((

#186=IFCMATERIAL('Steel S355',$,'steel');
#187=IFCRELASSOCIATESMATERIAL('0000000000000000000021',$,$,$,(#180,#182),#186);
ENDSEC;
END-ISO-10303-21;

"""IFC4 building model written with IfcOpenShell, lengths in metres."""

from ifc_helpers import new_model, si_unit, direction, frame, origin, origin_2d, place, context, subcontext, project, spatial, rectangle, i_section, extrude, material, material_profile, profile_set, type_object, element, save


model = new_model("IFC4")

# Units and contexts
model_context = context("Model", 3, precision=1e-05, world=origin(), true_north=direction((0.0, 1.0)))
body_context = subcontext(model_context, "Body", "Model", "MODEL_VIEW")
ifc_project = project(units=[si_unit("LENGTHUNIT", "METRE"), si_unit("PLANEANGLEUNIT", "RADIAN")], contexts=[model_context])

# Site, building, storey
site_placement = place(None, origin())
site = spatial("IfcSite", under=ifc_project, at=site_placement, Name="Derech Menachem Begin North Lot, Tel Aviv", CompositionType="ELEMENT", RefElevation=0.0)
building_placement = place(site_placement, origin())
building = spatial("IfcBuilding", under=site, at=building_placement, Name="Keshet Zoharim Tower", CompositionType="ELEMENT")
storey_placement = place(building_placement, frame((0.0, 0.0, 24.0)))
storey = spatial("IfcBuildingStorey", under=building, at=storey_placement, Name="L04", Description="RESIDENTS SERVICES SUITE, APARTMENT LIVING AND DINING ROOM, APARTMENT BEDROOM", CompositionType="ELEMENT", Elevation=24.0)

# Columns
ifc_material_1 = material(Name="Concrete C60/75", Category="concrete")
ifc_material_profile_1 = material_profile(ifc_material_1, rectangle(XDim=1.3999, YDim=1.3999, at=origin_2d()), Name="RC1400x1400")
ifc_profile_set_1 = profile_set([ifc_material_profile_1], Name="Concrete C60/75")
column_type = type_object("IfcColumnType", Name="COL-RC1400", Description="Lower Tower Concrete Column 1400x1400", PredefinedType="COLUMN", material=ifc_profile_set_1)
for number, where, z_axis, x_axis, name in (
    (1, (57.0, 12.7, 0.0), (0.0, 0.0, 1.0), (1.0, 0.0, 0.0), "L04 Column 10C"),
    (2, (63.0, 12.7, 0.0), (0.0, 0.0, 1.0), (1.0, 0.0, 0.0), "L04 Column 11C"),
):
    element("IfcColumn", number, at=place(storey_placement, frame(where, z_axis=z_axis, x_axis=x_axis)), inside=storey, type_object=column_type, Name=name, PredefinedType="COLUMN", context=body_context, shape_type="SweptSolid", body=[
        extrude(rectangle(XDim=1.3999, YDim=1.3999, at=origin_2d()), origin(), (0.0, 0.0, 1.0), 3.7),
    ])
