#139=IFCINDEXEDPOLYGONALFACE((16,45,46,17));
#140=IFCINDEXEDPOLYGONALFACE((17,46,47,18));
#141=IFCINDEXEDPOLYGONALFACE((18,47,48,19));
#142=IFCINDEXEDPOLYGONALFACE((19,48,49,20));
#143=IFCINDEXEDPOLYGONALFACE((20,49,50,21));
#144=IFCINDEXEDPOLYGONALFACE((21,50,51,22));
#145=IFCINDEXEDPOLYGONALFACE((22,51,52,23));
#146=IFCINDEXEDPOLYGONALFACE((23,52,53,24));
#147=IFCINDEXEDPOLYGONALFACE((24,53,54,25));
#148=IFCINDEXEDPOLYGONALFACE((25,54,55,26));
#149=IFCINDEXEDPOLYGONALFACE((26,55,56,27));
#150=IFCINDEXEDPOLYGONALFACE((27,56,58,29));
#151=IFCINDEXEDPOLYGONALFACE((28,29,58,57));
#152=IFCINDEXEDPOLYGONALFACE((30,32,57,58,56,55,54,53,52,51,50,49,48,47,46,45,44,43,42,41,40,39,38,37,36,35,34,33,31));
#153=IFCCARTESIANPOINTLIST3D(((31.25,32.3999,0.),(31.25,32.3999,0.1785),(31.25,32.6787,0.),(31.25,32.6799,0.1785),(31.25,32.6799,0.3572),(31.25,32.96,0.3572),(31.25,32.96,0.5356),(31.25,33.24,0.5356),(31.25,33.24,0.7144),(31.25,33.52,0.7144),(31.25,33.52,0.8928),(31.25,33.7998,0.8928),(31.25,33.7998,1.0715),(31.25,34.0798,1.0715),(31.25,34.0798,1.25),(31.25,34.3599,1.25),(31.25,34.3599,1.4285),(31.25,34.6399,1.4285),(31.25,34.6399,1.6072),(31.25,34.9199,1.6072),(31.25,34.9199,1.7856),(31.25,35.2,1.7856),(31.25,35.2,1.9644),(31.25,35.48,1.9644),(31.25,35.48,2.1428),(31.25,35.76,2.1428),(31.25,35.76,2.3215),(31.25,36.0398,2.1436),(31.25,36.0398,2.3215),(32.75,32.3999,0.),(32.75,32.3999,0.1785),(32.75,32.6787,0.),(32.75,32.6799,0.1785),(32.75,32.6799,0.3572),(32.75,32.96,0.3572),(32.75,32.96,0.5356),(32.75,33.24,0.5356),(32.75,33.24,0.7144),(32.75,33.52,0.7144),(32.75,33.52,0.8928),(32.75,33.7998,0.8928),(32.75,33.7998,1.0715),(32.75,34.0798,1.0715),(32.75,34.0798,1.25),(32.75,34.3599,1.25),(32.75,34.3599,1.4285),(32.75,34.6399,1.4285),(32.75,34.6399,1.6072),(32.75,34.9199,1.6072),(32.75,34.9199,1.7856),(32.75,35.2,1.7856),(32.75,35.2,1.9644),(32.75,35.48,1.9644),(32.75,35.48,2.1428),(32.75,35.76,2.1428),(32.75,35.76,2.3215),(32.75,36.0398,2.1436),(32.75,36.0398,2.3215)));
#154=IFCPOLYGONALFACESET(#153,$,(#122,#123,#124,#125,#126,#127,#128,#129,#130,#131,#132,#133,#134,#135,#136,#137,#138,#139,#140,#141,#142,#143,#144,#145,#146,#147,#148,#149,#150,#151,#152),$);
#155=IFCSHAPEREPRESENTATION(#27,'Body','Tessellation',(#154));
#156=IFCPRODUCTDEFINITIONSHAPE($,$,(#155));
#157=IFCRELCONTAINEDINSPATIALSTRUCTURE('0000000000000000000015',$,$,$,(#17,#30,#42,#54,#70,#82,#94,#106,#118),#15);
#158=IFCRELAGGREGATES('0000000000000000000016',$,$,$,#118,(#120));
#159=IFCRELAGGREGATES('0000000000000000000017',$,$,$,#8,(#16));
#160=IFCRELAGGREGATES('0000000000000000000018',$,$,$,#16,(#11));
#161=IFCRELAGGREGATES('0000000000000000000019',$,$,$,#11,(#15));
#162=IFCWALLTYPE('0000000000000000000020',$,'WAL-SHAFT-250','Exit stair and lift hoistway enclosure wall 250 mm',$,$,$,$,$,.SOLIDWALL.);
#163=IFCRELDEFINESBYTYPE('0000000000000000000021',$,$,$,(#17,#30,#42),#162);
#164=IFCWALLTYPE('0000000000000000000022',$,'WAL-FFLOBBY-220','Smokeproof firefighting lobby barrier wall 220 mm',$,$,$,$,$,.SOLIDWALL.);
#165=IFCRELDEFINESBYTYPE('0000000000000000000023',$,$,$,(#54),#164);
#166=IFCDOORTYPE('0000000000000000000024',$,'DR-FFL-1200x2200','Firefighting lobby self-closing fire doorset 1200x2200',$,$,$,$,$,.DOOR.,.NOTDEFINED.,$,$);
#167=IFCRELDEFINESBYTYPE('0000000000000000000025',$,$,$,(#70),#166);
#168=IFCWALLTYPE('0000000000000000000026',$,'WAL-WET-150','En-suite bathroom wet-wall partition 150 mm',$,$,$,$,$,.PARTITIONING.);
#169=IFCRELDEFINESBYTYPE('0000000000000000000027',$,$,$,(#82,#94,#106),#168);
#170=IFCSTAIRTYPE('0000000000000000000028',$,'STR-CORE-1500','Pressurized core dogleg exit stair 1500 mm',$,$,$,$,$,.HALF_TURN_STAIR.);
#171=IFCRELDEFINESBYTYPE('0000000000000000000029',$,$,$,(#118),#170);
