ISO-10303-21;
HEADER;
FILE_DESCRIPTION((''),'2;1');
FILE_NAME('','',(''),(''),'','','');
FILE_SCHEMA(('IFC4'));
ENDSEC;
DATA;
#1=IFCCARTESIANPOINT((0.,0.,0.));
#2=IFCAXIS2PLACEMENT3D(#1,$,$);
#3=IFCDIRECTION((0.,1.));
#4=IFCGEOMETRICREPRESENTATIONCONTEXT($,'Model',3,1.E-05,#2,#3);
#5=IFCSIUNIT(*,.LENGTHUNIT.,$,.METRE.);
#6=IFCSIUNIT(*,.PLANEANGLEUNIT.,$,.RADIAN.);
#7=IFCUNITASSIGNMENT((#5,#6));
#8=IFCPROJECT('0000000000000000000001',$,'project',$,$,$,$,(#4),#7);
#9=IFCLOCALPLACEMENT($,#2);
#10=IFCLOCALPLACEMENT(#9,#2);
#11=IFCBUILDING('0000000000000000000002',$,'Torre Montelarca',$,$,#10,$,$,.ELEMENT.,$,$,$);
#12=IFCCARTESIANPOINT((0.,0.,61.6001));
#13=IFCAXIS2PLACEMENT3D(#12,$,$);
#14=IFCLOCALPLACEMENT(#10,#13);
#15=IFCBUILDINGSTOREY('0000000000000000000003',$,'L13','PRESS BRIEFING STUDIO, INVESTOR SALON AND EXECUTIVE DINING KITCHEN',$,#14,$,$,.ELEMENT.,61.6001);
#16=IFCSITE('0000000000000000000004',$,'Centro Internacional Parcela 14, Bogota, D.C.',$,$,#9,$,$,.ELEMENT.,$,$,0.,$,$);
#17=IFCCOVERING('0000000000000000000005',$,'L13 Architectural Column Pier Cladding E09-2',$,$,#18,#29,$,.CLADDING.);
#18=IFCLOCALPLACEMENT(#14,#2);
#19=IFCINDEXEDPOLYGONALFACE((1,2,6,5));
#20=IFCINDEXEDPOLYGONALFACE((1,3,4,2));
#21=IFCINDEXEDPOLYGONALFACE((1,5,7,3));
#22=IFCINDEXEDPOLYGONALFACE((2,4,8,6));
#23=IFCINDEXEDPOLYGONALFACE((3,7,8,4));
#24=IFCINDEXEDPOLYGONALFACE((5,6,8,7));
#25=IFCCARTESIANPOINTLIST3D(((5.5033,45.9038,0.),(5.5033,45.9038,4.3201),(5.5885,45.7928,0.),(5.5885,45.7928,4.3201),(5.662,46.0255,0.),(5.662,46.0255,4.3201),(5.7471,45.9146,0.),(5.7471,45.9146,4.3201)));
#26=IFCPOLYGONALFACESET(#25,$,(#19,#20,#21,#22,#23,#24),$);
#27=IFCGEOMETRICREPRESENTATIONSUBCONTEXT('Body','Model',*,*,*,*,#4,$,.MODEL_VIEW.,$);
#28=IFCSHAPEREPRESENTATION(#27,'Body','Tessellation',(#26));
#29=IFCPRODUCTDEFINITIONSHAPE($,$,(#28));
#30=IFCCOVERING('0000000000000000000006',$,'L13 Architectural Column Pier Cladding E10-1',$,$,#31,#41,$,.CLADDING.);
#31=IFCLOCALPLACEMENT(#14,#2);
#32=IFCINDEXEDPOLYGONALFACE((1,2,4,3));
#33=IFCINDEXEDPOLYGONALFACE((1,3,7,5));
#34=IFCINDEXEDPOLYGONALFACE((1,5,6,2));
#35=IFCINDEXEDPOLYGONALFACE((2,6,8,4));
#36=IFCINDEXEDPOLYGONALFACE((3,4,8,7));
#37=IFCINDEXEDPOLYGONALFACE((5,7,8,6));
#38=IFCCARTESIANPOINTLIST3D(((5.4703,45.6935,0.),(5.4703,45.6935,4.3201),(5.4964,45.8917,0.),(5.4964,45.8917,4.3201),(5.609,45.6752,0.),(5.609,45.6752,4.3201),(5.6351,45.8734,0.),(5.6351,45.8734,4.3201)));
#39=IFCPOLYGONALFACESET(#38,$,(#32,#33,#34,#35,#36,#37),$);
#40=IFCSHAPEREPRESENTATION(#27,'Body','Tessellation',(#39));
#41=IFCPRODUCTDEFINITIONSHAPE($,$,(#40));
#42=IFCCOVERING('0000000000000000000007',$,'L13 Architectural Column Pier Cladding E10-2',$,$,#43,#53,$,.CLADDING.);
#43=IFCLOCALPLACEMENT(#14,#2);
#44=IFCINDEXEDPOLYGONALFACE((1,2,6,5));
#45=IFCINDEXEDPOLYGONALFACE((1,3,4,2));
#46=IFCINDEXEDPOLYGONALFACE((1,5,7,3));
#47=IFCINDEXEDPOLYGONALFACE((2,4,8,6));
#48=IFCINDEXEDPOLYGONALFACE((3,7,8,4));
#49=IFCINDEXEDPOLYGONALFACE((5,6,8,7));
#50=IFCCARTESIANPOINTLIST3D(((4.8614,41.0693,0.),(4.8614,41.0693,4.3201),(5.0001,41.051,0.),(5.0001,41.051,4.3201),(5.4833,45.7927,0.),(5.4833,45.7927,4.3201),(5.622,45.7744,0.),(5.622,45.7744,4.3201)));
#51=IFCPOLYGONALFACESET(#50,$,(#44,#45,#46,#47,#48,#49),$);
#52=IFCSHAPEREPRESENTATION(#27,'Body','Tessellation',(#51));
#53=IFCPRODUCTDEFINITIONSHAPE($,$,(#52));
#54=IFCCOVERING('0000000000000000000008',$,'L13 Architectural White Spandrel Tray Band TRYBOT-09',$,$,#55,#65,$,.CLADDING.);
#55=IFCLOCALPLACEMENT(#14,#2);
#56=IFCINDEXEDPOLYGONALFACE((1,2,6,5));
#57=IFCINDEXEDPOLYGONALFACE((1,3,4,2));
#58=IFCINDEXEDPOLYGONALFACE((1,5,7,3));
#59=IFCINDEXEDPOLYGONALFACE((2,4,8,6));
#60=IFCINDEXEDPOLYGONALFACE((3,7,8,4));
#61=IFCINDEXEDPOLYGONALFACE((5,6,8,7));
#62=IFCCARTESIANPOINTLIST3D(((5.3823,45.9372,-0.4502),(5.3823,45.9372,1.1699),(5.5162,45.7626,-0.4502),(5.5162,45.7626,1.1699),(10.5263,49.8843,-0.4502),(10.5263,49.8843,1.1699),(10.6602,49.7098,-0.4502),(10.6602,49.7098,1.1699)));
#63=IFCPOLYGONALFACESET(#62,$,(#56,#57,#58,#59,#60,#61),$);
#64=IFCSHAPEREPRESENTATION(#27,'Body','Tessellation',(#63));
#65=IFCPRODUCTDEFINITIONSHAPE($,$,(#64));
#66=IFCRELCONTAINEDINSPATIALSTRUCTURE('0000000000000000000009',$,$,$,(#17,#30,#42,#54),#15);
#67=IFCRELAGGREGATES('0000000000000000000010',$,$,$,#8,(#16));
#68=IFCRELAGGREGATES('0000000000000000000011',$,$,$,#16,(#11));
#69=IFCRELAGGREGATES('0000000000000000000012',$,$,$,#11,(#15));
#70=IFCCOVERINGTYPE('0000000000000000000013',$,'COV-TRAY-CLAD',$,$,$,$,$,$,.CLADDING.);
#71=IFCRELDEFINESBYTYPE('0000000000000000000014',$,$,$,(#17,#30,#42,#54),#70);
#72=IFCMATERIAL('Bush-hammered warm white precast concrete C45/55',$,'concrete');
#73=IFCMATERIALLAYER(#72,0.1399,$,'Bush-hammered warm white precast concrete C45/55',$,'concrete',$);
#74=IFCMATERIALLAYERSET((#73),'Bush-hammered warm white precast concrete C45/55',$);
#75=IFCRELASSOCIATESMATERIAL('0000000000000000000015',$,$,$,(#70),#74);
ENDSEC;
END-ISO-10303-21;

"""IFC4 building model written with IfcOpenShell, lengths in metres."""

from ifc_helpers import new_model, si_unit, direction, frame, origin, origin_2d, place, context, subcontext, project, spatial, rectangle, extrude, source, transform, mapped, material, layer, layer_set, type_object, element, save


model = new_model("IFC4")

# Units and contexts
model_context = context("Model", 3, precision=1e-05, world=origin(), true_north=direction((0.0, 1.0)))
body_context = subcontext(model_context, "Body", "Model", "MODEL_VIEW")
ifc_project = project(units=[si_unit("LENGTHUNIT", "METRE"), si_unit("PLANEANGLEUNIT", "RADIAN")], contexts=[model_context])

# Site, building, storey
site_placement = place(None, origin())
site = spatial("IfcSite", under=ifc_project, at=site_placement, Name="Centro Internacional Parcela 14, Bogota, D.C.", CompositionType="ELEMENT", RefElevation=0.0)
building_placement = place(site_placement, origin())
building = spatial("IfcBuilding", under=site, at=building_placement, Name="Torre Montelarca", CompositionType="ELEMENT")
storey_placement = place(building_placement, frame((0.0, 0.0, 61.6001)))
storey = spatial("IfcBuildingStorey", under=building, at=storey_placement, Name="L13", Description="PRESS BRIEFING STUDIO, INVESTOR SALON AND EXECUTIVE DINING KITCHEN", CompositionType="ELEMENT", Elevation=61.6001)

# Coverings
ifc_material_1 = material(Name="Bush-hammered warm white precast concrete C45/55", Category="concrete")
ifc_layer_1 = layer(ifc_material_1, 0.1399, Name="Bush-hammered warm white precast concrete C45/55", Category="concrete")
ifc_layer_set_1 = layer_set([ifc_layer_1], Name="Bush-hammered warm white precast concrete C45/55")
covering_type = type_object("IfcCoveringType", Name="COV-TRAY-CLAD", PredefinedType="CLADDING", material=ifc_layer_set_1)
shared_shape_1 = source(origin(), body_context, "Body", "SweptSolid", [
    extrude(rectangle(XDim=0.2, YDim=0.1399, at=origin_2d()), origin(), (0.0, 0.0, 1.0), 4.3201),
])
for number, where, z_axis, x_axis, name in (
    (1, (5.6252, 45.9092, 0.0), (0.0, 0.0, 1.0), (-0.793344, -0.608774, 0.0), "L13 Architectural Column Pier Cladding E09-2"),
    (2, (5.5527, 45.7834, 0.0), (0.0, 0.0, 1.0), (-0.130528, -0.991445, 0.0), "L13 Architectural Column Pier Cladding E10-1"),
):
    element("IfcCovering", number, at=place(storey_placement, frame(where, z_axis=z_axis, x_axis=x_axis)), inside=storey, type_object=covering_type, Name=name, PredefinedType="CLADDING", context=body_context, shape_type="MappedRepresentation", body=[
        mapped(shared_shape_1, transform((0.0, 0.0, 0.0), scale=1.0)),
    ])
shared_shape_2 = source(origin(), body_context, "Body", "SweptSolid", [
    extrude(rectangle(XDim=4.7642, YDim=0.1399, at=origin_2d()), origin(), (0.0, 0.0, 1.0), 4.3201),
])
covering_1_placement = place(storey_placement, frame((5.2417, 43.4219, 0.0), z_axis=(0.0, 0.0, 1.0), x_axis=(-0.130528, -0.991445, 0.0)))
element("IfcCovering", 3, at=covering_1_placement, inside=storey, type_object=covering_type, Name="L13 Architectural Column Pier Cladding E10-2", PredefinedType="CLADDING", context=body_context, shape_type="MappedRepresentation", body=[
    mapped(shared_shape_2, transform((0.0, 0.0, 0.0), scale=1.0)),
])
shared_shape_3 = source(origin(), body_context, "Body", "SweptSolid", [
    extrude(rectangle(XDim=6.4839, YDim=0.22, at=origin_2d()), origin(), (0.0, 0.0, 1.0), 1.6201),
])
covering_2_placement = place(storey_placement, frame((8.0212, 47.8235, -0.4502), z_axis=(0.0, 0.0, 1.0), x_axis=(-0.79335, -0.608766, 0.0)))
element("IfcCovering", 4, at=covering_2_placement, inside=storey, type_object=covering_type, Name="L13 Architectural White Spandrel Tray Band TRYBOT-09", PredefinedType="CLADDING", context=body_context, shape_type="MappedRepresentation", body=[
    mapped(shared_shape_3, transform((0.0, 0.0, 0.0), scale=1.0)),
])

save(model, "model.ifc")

))
((

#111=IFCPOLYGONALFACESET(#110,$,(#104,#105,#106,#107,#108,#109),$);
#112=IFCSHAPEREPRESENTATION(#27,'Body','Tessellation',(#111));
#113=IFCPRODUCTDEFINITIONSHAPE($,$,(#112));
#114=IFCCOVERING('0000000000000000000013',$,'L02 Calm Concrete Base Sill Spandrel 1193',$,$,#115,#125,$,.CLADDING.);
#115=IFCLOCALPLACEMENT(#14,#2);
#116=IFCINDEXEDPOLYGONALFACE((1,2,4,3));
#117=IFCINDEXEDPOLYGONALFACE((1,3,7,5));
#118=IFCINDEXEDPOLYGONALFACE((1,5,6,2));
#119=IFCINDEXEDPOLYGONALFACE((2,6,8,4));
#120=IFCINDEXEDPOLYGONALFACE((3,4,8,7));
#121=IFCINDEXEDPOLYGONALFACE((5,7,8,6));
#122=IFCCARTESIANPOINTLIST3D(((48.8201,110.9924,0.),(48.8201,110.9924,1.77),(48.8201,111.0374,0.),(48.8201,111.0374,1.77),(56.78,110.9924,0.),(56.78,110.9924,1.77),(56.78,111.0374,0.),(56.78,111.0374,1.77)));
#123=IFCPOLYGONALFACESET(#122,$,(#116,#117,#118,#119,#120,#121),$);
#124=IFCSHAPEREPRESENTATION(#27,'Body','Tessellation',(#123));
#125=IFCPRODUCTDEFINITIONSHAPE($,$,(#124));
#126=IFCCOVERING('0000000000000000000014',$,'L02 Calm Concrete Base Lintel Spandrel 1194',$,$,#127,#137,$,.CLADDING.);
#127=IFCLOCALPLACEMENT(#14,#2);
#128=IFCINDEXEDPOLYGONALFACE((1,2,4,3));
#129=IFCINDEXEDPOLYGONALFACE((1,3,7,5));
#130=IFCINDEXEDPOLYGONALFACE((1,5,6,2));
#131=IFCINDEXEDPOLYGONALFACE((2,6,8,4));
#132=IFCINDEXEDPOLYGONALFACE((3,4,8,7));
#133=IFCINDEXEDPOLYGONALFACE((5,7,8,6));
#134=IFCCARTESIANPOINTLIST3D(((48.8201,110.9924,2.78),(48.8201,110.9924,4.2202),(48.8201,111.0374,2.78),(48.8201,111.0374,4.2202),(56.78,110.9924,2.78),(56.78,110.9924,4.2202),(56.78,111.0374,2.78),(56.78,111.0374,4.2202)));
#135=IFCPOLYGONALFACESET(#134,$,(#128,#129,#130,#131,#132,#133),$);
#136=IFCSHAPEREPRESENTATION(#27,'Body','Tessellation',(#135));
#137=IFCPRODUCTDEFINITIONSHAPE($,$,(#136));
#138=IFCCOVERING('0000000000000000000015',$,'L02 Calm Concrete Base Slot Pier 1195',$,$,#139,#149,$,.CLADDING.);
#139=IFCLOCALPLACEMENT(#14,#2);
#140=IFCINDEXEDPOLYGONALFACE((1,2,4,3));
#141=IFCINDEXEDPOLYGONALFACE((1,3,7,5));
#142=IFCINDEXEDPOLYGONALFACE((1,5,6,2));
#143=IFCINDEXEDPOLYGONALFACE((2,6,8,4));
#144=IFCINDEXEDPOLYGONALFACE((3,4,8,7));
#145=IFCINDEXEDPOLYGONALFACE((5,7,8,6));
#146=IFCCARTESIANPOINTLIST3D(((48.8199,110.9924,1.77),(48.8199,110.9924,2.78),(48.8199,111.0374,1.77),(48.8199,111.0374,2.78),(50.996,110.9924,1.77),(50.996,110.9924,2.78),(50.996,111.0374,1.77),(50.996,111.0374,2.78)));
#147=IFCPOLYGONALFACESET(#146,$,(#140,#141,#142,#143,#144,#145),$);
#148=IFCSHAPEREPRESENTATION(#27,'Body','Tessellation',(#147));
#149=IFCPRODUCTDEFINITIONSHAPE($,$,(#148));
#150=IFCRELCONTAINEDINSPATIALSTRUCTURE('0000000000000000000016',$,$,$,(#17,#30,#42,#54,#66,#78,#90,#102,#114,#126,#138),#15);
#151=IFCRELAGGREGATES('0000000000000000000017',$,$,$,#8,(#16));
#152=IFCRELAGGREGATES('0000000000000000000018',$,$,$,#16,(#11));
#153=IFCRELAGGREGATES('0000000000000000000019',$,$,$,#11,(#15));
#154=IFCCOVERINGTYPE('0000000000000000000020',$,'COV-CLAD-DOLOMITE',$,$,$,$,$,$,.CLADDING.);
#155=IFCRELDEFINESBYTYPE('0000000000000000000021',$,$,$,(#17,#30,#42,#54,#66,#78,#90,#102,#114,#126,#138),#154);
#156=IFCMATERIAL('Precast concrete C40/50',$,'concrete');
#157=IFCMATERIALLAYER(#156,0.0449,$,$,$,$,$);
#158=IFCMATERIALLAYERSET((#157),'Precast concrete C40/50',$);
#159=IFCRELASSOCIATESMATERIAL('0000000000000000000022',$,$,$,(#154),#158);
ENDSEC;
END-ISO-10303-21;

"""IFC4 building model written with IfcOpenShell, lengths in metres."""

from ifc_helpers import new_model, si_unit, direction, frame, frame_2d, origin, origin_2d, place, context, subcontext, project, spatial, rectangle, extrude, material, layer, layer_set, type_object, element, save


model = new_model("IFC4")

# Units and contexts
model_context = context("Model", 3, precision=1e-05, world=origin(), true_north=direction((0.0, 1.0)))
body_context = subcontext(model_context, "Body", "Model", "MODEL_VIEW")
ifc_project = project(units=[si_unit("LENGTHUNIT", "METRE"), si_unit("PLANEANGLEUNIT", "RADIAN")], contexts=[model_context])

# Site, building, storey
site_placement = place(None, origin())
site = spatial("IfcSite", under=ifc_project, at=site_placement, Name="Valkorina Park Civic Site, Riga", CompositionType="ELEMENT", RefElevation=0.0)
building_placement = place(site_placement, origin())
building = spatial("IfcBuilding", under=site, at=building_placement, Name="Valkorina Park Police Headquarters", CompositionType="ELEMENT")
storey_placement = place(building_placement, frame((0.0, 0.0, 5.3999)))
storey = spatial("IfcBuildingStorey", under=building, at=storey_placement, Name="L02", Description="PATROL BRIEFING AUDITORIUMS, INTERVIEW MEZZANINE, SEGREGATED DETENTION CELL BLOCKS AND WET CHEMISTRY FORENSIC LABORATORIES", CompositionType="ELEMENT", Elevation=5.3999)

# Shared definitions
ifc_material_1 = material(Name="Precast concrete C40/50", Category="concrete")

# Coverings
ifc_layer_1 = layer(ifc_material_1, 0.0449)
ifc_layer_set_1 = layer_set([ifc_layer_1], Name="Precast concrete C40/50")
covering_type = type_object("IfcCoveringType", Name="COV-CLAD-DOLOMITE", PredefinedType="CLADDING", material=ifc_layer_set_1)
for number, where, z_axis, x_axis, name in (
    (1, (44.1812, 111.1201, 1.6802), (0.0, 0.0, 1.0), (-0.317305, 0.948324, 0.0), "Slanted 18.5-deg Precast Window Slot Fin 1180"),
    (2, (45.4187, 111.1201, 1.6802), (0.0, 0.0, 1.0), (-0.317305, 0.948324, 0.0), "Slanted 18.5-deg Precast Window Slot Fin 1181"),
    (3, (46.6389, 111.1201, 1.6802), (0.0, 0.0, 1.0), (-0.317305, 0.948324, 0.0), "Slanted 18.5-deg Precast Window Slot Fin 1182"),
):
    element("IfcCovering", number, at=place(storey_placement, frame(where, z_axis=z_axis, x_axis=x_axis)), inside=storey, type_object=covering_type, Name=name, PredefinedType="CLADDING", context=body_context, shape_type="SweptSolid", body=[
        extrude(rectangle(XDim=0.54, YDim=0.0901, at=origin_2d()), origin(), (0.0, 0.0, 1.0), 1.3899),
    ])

))

## WORK INSTRUCTION
Reproduce only the lines above, starting at the line with "#52=IFCSHAPEREPRESENTATION(#27,'Body','Tessellation',(#51));" and ending at the line with "#59=IFCINDEXEDPOLYGONALFACE((2,4,8,6));", exactly as written.

## RESULT FOR THIS EXERCISE
#52=IFCSHAPEREPRESENTATION(#27,'Body','Tessellation',(#51));
#53=IFCPRODUCTDEFINITIONSHAPE($,$,(#52));
#54=IFCCOVERING('0000000000000000000008',$,'L13 Architectural White Spandrel Tray Band TRYBOT-09',$,$,#55,#65,$,.CLADDING.);
#55=IFCLOCALPLACEMENT(#14,#2);
#56=IFCINDEXEDPOLYGONALFACE((1,2,6,5));
#57=IFCINDEXEDPOLYGONALFACE((1,3,4,2));
#58=IFCINDEXEDPOLYGONALFACE((1,5,7,3));
#59=IFCINDEXEDPOLYGONALFACE((2,4,8,6));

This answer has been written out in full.